[WHAT THE EXERCISE ASKS]
Could you count how many lines of the data include "Precast" and answer with the number only?

Dataset entries
____________________

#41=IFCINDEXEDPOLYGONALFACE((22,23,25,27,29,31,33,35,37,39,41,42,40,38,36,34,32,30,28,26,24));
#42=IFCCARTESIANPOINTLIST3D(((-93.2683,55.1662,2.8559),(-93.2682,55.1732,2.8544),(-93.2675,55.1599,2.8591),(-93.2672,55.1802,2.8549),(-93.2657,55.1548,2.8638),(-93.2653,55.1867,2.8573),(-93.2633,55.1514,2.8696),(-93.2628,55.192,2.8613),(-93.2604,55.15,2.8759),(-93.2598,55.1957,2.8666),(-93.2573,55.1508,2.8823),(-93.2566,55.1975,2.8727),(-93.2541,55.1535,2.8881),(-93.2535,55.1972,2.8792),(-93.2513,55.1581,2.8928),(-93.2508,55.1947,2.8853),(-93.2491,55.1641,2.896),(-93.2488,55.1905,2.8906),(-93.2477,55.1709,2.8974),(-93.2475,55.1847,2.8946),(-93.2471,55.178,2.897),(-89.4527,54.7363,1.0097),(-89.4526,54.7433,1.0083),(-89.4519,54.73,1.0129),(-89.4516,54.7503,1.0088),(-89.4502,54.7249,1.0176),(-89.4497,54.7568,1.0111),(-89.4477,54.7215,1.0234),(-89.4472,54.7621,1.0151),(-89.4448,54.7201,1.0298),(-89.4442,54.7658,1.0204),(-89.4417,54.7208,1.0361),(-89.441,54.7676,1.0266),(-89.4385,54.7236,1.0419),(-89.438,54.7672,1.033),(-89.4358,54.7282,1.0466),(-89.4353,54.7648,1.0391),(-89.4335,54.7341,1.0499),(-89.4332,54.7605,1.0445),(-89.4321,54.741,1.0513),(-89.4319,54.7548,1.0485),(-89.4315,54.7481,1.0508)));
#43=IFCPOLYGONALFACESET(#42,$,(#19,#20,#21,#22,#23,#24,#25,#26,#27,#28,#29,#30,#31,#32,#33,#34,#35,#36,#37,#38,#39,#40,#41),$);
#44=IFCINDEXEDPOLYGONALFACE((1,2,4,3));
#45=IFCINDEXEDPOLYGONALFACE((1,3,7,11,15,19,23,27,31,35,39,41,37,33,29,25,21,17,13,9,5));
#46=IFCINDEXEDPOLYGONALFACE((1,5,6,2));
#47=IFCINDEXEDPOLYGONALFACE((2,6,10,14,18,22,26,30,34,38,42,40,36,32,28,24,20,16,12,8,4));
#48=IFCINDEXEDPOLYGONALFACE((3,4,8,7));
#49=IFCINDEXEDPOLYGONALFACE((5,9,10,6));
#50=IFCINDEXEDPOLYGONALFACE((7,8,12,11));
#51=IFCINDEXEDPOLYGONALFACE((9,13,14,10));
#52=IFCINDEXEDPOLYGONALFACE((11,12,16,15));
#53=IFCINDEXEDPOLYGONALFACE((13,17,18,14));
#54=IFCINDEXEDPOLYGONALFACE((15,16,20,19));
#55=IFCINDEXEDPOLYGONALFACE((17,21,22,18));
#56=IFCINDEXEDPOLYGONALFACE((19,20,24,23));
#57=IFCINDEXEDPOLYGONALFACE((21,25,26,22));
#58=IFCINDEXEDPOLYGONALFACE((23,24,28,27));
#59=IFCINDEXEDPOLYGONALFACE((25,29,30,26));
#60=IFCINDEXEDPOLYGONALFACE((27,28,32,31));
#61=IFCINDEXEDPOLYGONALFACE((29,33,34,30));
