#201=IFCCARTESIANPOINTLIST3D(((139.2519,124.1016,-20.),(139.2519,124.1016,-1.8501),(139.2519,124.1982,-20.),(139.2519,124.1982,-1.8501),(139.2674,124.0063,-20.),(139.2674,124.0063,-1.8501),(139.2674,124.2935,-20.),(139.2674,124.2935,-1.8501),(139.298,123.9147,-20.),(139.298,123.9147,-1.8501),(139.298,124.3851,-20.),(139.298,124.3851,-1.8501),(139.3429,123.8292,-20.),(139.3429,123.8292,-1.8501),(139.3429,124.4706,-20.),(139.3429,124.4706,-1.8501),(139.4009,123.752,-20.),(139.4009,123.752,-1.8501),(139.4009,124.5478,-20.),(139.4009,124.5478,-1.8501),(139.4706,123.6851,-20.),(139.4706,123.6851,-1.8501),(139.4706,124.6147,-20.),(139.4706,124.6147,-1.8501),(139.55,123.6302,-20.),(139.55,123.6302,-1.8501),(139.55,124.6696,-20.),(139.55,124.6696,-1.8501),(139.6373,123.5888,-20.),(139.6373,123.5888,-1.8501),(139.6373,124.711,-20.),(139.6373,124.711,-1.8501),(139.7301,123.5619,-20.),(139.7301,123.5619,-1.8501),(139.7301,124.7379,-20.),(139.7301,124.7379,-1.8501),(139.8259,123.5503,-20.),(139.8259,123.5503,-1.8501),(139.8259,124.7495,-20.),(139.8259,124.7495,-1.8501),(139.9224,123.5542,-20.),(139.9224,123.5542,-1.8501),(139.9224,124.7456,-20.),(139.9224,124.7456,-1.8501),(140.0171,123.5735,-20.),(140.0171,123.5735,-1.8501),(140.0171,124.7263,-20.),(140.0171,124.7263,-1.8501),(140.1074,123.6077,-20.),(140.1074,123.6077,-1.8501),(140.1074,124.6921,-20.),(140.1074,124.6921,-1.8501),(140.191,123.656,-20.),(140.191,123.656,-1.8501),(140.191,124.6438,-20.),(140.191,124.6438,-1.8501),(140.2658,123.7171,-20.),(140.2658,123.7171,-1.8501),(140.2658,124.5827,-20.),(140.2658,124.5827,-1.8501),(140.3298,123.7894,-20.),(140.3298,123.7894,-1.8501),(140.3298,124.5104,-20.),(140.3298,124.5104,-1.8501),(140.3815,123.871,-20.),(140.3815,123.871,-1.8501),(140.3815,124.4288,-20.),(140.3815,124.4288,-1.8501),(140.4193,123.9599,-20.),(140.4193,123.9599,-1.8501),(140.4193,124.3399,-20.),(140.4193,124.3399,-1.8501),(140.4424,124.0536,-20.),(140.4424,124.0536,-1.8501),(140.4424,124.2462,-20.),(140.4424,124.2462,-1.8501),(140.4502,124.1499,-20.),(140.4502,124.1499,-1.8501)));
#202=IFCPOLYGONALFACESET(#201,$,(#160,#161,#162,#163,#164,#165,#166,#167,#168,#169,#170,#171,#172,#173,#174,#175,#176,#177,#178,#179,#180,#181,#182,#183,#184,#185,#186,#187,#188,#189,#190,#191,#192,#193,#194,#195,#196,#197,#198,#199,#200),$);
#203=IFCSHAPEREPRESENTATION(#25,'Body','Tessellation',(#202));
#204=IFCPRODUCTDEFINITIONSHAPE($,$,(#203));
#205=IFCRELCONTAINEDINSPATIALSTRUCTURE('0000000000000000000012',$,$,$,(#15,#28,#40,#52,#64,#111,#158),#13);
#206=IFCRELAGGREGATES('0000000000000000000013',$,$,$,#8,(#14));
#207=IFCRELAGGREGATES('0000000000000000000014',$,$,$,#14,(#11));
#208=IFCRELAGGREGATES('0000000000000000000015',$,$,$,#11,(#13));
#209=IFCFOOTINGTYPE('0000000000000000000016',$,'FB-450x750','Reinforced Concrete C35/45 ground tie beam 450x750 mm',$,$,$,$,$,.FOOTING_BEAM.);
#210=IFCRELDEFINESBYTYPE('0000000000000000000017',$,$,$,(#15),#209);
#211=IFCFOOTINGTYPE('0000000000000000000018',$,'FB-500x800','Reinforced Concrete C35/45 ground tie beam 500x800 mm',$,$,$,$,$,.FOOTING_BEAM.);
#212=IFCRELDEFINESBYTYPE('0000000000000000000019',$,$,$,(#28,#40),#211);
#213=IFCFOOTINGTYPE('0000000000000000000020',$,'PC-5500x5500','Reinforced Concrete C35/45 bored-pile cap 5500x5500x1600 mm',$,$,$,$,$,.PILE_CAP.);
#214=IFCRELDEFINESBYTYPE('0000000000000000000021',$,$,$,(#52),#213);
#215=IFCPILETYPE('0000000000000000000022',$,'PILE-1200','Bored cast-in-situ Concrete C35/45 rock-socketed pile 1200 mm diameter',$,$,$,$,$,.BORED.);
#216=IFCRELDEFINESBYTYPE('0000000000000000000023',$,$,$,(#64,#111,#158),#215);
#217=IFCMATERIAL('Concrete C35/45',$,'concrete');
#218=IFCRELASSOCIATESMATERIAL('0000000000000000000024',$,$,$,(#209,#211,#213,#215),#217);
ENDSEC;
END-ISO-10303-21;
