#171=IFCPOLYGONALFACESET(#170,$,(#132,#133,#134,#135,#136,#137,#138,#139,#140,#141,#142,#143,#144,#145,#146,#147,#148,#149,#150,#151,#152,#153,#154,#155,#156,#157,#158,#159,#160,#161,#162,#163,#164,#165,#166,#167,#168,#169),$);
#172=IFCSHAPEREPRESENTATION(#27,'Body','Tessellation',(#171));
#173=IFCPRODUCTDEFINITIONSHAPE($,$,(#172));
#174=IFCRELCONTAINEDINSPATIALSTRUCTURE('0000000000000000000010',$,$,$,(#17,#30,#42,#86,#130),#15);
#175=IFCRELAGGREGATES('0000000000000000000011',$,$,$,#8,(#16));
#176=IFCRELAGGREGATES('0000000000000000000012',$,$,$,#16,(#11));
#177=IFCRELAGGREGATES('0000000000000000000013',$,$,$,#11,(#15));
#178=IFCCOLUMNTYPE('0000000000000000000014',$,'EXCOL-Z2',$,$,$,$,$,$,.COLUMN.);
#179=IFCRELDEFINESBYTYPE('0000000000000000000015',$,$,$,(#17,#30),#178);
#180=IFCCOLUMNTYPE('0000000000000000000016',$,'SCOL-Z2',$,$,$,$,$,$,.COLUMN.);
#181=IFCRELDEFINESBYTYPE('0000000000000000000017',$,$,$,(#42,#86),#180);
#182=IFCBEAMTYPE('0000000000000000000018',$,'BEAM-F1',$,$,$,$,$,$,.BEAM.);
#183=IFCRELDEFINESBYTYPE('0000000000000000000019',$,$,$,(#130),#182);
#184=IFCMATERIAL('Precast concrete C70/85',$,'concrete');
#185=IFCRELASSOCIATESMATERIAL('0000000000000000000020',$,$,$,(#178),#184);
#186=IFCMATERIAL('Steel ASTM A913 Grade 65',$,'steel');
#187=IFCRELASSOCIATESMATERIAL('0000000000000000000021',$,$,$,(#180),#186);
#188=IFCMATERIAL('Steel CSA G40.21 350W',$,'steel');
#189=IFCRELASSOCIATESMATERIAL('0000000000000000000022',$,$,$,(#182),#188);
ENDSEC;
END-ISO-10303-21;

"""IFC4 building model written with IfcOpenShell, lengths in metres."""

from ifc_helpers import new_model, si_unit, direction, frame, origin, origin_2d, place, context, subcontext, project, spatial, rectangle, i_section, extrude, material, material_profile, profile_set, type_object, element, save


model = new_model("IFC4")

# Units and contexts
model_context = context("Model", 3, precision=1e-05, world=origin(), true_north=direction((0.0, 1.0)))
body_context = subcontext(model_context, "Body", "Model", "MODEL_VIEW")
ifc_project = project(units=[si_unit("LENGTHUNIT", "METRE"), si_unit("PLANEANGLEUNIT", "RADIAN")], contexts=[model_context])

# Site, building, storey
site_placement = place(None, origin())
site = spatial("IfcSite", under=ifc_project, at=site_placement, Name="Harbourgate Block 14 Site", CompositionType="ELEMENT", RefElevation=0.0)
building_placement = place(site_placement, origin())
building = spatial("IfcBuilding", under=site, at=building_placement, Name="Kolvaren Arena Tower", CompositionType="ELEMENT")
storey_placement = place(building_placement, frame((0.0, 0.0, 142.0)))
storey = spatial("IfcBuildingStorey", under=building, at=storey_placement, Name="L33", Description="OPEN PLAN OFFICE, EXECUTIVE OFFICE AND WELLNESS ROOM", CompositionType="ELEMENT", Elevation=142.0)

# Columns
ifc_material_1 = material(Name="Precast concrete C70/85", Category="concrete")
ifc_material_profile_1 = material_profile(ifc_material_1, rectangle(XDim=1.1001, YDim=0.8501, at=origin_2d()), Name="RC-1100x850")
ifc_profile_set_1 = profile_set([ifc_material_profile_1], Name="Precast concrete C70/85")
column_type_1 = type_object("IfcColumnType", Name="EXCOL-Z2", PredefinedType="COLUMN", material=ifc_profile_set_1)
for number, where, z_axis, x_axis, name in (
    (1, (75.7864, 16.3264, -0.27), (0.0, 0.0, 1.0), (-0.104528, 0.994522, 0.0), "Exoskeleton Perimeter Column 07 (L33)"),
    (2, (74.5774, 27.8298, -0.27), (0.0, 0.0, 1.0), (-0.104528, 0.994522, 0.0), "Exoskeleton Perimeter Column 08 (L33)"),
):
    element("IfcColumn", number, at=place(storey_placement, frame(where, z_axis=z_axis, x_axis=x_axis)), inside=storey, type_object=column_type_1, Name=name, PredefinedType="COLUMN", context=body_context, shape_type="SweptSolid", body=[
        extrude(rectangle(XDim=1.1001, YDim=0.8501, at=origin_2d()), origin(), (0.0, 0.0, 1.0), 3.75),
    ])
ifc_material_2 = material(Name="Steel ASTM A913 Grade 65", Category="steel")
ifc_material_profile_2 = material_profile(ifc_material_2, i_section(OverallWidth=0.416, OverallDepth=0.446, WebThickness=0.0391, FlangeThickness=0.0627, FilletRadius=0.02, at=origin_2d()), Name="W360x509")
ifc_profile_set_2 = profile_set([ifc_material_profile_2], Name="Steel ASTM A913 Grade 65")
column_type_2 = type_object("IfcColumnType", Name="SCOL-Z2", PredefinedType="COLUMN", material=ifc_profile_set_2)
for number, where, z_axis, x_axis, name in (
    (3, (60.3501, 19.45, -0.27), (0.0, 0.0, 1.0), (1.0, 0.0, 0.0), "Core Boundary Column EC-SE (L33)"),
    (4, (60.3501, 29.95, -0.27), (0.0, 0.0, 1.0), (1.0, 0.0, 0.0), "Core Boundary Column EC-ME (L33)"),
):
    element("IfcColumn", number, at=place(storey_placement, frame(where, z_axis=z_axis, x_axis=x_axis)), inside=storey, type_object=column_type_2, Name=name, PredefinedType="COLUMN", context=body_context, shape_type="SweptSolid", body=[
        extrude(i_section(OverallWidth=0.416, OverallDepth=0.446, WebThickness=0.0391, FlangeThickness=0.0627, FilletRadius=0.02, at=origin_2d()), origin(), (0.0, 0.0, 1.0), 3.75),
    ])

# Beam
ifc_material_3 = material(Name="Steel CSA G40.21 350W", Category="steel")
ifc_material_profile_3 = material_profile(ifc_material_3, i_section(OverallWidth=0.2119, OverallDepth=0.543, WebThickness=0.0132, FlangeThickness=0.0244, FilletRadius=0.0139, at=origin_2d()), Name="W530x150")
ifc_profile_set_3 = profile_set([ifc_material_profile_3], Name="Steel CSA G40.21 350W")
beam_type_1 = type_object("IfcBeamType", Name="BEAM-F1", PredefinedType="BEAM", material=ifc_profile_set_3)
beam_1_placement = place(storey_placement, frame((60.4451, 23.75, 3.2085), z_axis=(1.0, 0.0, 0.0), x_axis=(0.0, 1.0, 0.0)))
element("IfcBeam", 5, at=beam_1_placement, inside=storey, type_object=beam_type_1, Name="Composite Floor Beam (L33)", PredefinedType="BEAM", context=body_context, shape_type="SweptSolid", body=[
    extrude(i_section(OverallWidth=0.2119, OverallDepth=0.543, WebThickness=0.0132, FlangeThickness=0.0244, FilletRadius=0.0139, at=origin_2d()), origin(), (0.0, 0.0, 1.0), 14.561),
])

____________________

[RESPONSE BOX]
3